_What needs to be done_: Output nothing but the lines from the first line of the entries to the line with "#6=IFCSIUNIT(*,.PLANEANGLEUNIT.,$,.RADIAN.);", inclusive, exactly as they read.
Data for the task Start Marker
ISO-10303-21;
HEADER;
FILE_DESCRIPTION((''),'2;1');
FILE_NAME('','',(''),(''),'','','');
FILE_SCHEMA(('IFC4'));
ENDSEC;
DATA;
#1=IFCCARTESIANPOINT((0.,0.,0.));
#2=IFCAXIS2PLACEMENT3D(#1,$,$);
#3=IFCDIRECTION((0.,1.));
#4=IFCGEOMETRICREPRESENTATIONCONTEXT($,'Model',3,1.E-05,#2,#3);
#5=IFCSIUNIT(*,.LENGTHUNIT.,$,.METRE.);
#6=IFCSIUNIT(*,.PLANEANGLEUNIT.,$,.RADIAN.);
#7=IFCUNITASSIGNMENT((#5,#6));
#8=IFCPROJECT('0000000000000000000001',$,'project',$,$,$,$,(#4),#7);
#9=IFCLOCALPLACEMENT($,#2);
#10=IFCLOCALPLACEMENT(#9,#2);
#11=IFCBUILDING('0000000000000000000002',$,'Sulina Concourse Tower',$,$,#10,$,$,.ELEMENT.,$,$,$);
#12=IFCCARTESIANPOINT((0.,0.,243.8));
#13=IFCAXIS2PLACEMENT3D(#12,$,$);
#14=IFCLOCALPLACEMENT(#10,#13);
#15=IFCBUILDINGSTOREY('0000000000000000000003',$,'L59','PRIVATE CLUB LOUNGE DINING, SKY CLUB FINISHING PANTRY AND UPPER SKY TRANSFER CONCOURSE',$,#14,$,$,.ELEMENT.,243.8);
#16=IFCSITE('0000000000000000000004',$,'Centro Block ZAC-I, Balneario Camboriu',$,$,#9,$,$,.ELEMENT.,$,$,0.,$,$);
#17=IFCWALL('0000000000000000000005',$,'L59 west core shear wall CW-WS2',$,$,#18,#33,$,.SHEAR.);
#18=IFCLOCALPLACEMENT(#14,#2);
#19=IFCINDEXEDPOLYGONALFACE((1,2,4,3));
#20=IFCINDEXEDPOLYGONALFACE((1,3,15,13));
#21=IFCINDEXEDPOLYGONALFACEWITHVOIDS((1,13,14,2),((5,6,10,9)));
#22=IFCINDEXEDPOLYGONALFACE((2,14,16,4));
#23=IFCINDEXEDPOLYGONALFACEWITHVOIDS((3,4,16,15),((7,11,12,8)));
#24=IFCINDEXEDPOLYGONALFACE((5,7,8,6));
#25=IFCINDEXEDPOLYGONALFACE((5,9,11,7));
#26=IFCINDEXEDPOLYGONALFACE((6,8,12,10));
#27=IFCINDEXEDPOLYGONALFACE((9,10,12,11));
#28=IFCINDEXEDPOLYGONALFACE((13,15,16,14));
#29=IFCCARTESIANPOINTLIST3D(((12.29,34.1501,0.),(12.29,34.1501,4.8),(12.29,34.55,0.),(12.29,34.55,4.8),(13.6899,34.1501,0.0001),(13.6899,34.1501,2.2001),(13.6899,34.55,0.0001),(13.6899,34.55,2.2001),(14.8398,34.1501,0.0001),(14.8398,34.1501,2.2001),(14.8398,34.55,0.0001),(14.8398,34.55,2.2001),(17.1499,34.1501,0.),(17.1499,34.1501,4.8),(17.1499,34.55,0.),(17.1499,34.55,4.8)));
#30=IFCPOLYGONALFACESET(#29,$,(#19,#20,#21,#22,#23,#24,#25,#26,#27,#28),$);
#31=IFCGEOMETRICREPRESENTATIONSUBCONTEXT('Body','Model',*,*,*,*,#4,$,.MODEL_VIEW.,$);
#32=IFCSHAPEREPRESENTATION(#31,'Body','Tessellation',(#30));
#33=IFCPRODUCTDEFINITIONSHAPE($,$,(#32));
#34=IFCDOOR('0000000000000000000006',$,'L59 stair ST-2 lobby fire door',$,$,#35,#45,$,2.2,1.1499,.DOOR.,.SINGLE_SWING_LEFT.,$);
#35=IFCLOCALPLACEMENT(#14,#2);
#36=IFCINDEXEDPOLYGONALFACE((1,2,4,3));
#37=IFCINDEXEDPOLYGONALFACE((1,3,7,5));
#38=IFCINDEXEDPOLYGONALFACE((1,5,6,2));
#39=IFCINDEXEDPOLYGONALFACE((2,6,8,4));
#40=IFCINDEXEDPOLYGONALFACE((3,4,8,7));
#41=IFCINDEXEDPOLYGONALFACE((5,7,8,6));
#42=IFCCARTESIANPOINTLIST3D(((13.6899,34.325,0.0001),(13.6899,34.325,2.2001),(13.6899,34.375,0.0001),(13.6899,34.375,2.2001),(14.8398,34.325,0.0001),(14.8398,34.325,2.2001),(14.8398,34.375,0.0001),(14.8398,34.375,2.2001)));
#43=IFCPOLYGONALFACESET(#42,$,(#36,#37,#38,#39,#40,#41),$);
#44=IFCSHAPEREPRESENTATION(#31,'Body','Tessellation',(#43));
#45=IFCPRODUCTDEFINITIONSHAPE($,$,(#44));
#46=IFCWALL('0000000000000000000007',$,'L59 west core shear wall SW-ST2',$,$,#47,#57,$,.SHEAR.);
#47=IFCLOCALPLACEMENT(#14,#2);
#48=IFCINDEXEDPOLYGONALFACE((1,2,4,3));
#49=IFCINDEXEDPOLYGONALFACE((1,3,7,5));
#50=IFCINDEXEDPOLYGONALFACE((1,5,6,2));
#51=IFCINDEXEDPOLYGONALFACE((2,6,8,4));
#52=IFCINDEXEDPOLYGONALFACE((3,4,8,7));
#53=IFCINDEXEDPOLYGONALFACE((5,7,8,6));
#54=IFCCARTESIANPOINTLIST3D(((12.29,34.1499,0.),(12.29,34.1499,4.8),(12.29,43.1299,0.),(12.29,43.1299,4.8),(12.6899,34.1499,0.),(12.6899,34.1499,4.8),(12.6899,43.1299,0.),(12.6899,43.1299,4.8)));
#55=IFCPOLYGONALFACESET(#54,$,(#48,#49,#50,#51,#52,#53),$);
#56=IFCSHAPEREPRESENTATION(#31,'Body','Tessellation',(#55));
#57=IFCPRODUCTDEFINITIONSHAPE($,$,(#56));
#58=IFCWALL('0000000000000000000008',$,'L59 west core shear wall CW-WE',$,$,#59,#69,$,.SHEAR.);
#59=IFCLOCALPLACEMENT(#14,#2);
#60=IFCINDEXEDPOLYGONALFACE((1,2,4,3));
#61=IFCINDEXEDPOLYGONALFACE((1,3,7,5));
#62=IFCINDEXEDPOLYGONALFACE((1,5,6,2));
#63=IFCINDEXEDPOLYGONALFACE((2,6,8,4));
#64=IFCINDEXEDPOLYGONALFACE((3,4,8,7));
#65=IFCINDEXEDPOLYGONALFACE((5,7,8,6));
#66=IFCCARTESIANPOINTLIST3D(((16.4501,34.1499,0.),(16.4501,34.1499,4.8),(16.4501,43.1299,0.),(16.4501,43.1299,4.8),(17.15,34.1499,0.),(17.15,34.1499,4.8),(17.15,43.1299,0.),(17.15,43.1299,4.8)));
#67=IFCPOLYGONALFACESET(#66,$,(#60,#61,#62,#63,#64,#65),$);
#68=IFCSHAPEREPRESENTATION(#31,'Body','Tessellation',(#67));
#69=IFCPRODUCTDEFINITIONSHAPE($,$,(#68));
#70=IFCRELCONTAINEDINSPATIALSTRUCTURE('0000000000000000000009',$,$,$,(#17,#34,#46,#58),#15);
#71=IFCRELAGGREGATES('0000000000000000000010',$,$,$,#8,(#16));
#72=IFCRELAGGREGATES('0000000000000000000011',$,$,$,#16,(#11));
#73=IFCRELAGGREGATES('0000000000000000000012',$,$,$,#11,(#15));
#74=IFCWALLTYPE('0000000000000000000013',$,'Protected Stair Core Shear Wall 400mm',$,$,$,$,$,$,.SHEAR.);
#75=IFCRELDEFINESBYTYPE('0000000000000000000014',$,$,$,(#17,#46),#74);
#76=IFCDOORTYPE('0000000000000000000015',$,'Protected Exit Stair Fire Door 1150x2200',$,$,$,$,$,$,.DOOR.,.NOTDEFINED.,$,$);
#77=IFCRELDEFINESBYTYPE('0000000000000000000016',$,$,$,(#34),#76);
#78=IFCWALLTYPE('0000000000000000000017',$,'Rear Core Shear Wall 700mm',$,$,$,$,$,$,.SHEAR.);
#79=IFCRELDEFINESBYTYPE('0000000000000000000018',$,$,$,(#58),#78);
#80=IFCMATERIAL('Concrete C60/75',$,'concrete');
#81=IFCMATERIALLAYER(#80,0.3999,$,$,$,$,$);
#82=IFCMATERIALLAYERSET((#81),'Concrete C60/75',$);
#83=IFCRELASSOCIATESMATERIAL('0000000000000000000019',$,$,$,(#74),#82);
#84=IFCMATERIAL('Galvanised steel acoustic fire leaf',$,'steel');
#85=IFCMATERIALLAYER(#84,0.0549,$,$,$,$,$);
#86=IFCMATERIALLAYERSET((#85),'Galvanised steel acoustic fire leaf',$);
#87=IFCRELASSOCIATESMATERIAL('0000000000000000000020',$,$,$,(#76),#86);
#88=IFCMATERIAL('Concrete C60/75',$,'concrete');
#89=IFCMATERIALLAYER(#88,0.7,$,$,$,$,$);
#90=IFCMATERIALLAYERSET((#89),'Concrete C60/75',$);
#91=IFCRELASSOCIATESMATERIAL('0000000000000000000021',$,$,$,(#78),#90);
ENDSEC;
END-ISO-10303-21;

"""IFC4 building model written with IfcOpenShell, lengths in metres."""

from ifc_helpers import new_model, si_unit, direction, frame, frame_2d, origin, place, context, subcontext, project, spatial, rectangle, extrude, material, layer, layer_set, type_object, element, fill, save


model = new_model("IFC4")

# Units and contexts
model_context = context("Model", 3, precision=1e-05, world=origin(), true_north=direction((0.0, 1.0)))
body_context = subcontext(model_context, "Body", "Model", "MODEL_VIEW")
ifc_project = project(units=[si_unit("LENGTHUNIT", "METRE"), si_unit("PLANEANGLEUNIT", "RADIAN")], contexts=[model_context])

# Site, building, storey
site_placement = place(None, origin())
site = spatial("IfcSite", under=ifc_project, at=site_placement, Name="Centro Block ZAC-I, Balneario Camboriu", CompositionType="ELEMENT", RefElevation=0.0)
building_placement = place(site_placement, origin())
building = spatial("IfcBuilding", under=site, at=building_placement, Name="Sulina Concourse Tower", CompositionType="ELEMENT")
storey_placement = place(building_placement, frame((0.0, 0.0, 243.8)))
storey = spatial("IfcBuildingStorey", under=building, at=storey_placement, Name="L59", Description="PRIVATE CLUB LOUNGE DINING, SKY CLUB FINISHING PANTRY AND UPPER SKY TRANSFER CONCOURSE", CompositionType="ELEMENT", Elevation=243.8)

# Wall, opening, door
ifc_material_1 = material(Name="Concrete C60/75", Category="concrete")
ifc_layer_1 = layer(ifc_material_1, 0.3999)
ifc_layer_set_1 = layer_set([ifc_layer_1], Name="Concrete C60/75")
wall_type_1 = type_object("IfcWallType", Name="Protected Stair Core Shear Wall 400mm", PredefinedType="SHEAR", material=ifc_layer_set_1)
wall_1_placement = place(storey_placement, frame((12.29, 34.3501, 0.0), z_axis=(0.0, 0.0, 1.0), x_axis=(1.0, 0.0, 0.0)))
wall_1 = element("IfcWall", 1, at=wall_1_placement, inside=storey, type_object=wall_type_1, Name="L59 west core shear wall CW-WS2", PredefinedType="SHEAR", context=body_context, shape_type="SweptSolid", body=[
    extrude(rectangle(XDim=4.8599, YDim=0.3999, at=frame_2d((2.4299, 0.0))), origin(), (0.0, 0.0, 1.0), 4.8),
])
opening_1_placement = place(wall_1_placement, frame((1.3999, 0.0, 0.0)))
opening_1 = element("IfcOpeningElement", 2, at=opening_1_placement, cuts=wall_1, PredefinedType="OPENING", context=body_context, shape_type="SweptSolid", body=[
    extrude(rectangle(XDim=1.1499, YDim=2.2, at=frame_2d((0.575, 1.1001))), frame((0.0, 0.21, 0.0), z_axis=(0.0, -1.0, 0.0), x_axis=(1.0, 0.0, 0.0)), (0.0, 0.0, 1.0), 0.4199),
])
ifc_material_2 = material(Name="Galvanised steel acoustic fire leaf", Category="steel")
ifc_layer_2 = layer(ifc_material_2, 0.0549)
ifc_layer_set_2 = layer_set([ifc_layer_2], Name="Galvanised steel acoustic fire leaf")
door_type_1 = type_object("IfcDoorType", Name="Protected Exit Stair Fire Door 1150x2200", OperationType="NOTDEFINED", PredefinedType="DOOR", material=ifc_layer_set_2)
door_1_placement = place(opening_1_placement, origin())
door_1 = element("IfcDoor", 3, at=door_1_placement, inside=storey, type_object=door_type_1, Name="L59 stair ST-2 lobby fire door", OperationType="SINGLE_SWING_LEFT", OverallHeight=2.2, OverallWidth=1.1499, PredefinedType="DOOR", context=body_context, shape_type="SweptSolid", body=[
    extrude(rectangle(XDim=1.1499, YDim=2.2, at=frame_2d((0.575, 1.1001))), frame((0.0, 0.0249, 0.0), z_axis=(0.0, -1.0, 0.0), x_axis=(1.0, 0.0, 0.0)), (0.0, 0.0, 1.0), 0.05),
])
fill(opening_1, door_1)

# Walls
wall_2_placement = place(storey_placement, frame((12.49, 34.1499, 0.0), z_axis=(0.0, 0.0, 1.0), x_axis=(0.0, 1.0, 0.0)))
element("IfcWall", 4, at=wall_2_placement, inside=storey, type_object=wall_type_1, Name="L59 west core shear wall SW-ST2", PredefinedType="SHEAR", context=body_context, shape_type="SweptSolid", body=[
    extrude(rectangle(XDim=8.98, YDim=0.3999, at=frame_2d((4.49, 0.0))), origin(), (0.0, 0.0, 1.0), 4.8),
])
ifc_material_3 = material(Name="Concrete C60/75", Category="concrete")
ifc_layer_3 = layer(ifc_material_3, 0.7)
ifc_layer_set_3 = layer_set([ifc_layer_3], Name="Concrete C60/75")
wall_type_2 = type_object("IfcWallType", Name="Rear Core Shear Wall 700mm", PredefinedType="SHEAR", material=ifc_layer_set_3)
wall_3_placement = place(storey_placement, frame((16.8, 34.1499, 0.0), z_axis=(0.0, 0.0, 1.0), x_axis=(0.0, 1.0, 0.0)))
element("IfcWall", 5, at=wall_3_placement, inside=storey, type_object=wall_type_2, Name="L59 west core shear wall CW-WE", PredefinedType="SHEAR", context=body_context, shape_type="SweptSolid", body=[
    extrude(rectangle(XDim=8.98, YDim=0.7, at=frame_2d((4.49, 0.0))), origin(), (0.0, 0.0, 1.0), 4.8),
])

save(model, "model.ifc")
Data for the task End Marker
_Task answer_:
ISO-10303-21;
HEADER;
FILE_DESCRIPTION((''),'2;1');
FILE_NAME('','',(''),(''),'','','');
FILE_SCHEMA(('IFC4'));
ENDSEC;
DATA;
#1=IFCCARTESIANPOINT((0.,0.,0.));
#2=IFCAXIS2PLACEMENT3D(#1,$,$);
#3=IFCDIRECTION((0.,1.));
#4=IFCGEOMETRICREPRESENTATIONCONTEXT($,'Model',3,1.E-05,#2,#3);
#5=IFCSIUNIT(*,.LENGTHUNIT.,$,.METRE.);
#6=IFCSIUNIT(*,.PLANEANGLEUNIT.,$,.RADIAN.);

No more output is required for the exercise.